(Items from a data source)
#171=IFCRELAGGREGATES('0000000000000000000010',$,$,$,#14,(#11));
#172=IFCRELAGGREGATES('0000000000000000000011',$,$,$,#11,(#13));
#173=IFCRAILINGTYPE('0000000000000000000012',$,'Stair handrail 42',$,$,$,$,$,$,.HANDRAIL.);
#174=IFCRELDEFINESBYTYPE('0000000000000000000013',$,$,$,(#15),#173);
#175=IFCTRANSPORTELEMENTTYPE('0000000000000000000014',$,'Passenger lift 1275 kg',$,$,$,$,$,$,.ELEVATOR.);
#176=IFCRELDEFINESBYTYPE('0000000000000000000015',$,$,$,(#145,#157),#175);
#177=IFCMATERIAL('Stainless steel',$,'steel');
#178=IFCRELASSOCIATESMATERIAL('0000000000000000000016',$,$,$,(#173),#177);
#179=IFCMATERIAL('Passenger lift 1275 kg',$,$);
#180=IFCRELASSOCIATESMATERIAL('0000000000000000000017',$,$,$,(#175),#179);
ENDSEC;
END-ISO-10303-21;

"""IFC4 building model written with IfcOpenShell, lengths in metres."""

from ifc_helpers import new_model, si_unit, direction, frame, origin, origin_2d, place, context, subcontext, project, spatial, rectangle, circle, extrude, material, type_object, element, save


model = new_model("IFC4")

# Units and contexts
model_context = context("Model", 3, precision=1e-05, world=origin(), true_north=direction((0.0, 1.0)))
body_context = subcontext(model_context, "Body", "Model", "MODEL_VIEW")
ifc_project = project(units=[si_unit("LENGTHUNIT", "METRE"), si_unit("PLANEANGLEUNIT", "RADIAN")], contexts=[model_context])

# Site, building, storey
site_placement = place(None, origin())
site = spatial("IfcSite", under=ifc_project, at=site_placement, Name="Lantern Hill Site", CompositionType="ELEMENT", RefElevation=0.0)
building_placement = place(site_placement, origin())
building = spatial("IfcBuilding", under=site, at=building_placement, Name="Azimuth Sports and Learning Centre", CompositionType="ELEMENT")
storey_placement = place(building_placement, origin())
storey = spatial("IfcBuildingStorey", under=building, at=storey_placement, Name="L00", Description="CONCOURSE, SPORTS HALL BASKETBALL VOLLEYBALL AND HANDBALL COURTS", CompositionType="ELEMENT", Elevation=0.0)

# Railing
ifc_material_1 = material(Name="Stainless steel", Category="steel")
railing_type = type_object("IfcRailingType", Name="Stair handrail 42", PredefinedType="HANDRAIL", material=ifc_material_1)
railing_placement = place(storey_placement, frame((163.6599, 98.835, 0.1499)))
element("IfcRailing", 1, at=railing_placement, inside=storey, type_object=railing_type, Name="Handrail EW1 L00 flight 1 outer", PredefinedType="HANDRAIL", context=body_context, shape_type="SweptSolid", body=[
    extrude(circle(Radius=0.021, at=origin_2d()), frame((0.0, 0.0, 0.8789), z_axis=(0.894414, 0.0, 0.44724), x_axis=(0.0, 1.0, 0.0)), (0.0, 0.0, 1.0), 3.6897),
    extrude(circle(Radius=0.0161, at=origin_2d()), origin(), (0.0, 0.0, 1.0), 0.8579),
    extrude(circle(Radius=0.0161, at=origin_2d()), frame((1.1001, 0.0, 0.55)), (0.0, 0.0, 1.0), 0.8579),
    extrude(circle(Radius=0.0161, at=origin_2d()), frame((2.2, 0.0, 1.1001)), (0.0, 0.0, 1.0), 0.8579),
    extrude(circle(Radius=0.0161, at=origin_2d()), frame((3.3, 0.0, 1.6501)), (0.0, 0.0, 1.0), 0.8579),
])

...

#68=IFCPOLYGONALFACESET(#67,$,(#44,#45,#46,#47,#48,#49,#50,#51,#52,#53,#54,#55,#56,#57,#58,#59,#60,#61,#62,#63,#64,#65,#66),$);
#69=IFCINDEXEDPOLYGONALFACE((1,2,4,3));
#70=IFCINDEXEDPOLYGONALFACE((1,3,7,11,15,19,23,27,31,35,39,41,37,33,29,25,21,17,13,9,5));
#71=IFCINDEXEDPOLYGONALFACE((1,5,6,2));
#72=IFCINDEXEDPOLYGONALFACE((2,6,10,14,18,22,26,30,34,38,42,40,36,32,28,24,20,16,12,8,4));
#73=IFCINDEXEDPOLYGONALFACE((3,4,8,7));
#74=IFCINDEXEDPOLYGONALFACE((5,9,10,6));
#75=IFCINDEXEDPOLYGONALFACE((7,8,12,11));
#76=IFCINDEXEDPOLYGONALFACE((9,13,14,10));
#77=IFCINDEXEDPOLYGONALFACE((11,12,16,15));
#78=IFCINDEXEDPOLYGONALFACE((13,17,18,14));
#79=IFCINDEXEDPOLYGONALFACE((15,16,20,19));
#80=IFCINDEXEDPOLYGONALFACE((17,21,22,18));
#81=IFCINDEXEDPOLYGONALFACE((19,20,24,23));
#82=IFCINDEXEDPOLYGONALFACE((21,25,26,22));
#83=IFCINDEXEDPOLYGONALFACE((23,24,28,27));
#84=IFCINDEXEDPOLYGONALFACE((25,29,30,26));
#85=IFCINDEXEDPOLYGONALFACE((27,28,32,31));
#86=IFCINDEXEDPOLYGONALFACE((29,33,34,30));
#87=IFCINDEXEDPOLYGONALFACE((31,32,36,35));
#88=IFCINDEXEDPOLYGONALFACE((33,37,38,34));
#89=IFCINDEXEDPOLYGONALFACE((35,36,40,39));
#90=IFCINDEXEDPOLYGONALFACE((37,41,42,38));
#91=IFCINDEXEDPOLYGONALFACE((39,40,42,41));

---

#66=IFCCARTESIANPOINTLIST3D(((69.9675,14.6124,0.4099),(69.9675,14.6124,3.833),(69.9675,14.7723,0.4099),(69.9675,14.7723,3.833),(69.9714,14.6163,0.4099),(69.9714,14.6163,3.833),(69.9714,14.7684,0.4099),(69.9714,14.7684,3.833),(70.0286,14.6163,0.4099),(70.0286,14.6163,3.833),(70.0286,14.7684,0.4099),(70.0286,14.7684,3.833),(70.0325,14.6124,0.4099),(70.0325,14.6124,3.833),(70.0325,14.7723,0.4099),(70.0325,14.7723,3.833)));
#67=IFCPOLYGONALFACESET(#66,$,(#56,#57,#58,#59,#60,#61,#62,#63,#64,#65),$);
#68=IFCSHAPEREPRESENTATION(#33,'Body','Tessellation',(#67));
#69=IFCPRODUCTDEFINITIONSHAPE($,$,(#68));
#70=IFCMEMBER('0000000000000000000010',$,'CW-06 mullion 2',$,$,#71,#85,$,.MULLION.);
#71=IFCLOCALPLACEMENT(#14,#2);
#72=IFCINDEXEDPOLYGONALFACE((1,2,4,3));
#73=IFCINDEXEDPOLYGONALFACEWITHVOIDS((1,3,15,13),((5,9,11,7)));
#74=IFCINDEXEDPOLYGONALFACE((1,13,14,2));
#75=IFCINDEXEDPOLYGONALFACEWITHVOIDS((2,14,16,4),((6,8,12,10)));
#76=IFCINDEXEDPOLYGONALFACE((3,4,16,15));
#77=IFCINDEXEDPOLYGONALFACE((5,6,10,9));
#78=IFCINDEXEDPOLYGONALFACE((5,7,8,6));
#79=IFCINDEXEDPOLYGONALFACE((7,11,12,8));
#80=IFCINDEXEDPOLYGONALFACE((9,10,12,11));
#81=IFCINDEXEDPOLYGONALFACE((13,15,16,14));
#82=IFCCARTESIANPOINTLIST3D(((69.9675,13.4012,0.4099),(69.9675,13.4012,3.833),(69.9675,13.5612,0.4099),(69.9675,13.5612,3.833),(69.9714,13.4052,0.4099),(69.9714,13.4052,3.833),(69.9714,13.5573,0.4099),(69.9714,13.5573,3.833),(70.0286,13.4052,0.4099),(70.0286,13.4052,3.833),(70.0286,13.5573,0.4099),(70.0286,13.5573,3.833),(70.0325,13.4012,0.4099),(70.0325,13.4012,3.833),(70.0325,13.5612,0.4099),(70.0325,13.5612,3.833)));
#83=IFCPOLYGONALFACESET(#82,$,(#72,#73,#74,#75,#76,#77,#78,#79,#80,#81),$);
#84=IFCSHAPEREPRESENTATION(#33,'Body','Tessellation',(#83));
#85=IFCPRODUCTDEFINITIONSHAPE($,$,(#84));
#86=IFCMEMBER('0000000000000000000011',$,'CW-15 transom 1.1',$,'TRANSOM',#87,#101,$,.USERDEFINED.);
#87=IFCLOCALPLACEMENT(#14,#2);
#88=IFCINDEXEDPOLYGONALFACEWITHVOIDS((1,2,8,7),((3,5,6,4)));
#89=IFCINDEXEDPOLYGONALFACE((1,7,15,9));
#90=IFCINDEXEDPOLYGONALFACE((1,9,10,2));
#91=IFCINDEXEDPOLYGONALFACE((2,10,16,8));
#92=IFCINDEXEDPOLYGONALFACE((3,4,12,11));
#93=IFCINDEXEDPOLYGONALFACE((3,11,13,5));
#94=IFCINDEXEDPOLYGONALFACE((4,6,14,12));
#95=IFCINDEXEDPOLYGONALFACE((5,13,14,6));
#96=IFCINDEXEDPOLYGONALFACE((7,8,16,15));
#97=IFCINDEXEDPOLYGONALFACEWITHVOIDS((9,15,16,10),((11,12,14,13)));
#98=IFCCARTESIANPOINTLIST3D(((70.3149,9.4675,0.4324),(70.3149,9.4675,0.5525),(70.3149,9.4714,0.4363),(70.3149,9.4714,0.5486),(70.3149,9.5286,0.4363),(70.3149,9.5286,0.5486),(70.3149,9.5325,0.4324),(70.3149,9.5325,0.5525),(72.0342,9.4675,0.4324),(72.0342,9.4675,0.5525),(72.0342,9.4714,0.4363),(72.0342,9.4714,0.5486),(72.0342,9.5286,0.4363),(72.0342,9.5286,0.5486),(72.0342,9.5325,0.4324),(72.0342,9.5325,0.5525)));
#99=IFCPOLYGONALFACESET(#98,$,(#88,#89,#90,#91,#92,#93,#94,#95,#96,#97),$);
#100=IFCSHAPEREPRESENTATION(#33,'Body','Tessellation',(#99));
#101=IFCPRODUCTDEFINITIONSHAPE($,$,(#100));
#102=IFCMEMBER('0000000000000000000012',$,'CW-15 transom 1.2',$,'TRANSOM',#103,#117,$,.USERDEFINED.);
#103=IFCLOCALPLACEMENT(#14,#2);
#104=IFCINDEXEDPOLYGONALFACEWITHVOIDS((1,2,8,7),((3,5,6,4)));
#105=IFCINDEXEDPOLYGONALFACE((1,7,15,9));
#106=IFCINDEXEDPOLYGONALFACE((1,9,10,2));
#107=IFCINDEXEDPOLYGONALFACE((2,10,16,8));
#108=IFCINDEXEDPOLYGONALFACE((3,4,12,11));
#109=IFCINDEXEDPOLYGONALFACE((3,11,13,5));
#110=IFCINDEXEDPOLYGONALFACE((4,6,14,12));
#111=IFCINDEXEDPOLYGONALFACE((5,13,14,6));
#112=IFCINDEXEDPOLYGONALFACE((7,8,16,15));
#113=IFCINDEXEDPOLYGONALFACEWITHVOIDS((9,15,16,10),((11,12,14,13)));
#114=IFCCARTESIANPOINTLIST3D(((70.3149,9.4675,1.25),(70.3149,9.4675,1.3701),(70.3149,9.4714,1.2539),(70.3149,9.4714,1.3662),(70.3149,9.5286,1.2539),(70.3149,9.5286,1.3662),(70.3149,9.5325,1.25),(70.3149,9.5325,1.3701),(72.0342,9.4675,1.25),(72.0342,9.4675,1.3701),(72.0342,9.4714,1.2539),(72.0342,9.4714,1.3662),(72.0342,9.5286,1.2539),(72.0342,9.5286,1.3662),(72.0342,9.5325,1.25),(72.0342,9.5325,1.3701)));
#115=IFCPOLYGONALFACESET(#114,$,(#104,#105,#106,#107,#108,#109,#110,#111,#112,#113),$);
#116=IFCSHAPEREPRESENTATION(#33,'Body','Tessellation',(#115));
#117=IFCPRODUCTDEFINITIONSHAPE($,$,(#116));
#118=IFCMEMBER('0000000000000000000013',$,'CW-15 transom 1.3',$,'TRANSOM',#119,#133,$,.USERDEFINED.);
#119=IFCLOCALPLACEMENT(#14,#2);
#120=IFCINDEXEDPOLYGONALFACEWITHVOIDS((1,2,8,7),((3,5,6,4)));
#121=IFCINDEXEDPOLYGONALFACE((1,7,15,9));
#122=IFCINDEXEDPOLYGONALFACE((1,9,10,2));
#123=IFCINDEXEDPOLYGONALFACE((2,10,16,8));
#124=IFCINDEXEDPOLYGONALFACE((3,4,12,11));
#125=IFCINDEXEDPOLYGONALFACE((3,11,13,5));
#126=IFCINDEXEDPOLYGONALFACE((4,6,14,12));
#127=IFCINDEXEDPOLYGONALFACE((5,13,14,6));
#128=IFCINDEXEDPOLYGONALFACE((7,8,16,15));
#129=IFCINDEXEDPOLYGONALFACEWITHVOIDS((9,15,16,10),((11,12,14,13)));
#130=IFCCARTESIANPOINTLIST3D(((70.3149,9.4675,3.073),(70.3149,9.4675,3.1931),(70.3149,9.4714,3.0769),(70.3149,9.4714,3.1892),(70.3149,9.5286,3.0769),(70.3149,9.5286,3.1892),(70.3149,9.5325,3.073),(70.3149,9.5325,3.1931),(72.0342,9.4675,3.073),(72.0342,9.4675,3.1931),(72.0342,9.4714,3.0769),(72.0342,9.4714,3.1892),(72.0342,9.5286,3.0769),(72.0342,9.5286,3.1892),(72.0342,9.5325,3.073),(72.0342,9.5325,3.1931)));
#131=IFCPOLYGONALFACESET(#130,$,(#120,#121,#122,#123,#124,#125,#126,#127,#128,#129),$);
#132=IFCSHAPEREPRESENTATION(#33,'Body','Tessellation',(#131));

- **Problem description**
In the entries above, some lines may contain the string "IFCPRODUCTDEFINITIONSHAPE"; report how many, without additional comment.

- **Response to the task**
4